* WHAT YOU NEED TO DO
The reply should hold every line of the data, unchanged and complete.

------------------------------------------------------------

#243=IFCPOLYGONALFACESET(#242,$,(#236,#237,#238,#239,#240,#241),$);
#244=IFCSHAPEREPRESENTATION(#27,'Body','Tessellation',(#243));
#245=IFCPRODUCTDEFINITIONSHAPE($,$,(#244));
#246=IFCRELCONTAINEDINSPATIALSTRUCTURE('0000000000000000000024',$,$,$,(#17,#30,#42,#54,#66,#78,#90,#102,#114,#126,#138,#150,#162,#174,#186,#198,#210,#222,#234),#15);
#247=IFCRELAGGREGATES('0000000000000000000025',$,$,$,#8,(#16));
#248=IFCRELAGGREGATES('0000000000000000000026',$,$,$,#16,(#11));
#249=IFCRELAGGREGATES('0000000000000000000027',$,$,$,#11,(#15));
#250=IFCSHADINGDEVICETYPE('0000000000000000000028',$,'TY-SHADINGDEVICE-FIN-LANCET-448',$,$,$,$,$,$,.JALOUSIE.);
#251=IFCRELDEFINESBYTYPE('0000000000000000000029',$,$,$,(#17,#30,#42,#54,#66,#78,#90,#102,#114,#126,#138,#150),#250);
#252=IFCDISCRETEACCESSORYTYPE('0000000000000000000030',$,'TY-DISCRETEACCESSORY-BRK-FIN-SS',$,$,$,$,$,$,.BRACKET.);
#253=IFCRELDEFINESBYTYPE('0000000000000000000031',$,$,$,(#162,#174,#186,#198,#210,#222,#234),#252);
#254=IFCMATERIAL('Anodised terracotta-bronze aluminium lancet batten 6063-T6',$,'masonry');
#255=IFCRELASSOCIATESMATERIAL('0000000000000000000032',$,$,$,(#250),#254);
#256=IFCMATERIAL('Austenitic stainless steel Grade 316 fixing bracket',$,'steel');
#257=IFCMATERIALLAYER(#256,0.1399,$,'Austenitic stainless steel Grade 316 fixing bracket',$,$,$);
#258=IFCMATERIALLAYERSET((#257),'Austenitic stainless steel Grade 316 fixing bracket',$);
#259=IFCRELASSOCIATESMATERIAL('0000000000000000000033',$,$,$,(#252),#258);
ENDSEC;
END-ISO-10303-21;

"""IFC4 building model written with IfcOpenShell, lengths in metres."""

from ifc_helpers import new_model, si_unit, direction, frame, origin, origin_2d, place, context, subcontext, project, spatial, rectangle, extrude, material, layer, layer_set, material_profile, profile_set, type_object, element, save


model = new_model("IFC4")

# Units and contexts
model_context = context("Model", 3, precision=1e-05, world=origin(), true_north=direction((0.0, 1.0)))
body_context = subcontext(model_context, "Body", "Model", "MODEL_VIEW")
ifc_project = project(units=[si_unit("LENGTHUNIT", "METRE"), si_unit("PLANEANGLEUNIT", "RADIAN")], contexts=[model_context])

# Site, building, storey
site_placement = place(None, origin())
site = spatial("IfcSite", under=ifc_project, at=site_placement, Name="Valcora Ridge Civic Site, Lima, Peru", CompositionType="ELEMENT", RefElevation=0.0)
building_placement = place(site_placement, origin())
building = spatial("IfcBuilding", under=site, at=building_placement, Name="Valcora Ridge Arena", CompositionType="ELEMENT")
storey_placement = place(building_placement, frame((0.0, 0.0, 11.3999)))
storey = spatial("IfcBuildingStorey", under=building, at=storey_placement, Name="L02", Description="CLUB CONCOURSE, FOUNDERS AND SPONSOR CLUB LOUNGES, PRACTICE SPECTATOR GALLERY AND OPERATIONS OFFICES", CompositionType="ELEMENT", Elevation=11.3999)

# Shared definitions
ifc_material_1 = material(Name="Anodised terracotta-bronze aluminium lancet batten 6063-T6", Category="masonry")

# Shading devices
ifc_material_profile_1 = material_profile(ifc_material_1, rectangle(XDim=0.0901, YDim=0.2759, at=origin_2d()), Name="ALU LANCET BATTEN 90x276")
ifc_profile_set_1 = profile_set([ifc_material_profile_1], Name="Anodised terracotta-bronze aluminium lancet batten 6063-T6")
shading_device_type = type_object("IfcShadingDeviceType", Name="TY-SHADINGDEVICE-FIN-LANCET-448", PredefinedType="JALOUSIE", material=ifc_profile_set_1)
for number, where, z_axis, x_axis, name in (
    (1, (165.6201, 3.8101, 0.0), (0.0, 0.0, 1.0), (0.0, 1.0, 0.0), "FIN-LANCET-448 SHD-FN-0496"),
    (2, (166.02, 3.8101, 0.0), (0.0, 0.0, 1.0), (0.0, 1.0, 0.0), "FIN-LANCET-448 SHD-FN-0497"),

------------------------------------------------------------

* RESULT OF THE EXERCISE
#243=IFCPOLYGONALFACESET(#242,$,(#236,#237,#238,#239,#240,#241),$);
#244=IFCSHAPEREPRESENTATION(#27,'Body','Tessellation',(#243));
#245=IFCPRODUCTDEFINITIONSHAPE($,$,(#244));
#246=IFCRELCONTAINEDINSPATIALSTRUCTURE('0000000000000000000024',$,$,$,(#17,#30,#42,#54,#66,#78,#90,#102,#114,#126,#138,#150,#162,#174,#186,#198,#210,#222,#234),#15);
#247=IFCRELAGGREGATES('0000000000000000000025',$,$,$,#8,(#16));
#248=IFCRELAGGREGATES('0000000000000000000026',$,$,$,#16,(#11));
#249=IFCRELAGGREGATES('0000000000000000000027',$,$,$,#11,(#15));
#250=IFCSHADINGDEVICETYPE('0000000000000000000028',$,'TY-SHADINGDEVICE-FIN-LANCET-448',$,$,$,$,$,$,.JALOUSIE.);
#251=IFCRELDEFINESBYTYPE('0000000000000000000029',$,$,$,(#17,#30,#42,#54,#66,#78,#90,#102,#114,#126,#138,#150),#250);
#252=IFCDISCRETEACCESSORYTYPE('0000000000000000000030',$,'TY-DISCRETEACCESSORY-BRK-FIN-SS',$,$,$,$,$,$,.BRACKET.);
#253=IFCRELDEFINESBYTYPE('0000000000000000000031',$,$,$,(#162,#174,#186,#198,#210,#222,#234),#252);
#254=IFCMATERIAL('Anodised terracotta-bronze aluminium lancet batten 6063-T6',$,'masonry');
#255=IFCRELASSOCIATESMATERIAL('0000000000000000000032',$,$,$,(#250),#254);
#256=IFCMATERIAL('Austenitic stainless steel Grade 316 fixing bracket',$,'steel');
#257=IFCMATERIALLAYER(#256,0.1399,$,'Austenitic stainless steel Grade 316 fixing bracket',$,$,$);
#258=IFCMATERIALLAYERSET((#257),'Austenitic stainless steel Grade 316 fixing bracket',$);
#259=IFCRELASSOCIATESMATERIAL('0000000000000000000033',$,$,$,(#252),#258);
ENDSEC;
END-ISO-10303-21;

"""IFC4 building model written with IfcOpenShell, lengths in metres."""

from ifc_helpers import new_model, si_unit, direction, frame, origin, origin_2d, place, context, subcontext, project, spatial, rectangle, extrude, material, layer, layer_set, material_profile, profile_set, type_object, element, save


model = new_model("IFC4")

# Units and contexts
model_context = context("Model", 3, precision=1e-05, world=origin(), true_north=direction((0.0, 1.0)))
body_context = subcontext(model_context, "Body", "Model", "MODEL_VIEW")
ifc_project = project(units=[si_unit("LENGTHUNIT", "METRE"), si_unit("PLANEANGLEUNIT", "RADIAN")], contexts=[model_context])

# Site, building, storey
site_placement = place(None, origin())
site = spatial("IfcSite", under=ifc_project, at=site_placement, Name="Valcora Ridge Civic Site, Lima, Peru", CompositionType="ELEMENT", RefElevation=0.0)
building_placement = place(site_placement, origin())
building = spatial("IfcBuilding", under=site, at=building_placement, Name="Valcora Ridge Arena", CompositionType="ELEMENT")
storey_placement = place(building_placement, frame((0.0, 0.0, 11.3999)))
storey = spatial("IfcBuildingStorey", under=building, at=storey_placement, Name="L02", Description="CLUB CONCOURSE, FOUNDERS AND SPONSOR CLUB LOUNGES, PRACTICE SPECTATOR GALLERY AND OPERATIONS OFFICES", CompositionType="ELEMENT", Elevation=11.3999)

# Shared definitions
ifc_material_1 = material(Name="Anodised terracotta-bronze aluminium lancet batten 6063-T6", Category="masonry")

# Shading devices
ifc_material_profile_1 = material_profile(ifc_material_1, rectangle(XDim=0.0901, YDim=0.2759, at=origin_2d()), Name="ALU LANCET BATTEN 90x276")
ifc_profile_set_1 = profile_set([ifc_material_profile_1], Name="Anodised terracotta-bronze aluminium lancet batten 6063-T6")
shading_device_type = type_object("IfcShadingDeviceType", Name="TY-SHADINGDEVICE-FIN-LANCET-448", PredefinedType="JALOUSIE", material=ifc_profile_set_1)
for number, where, z_axis, x_axis, name in (
    (1, (165.6201, 3.8101, 0.0), (0.0, 0.0, 1.0), (0.0, 1.0, 0.0), "FIN-LANCET-448 SHD-FN-0496"),
    (2, (166.02, 3.8101, 0.0), (0.0, 0.0, 1.0), (0.0, 1.0, 0.0), "FIN-LANCET-448 SHD-FN-0497"),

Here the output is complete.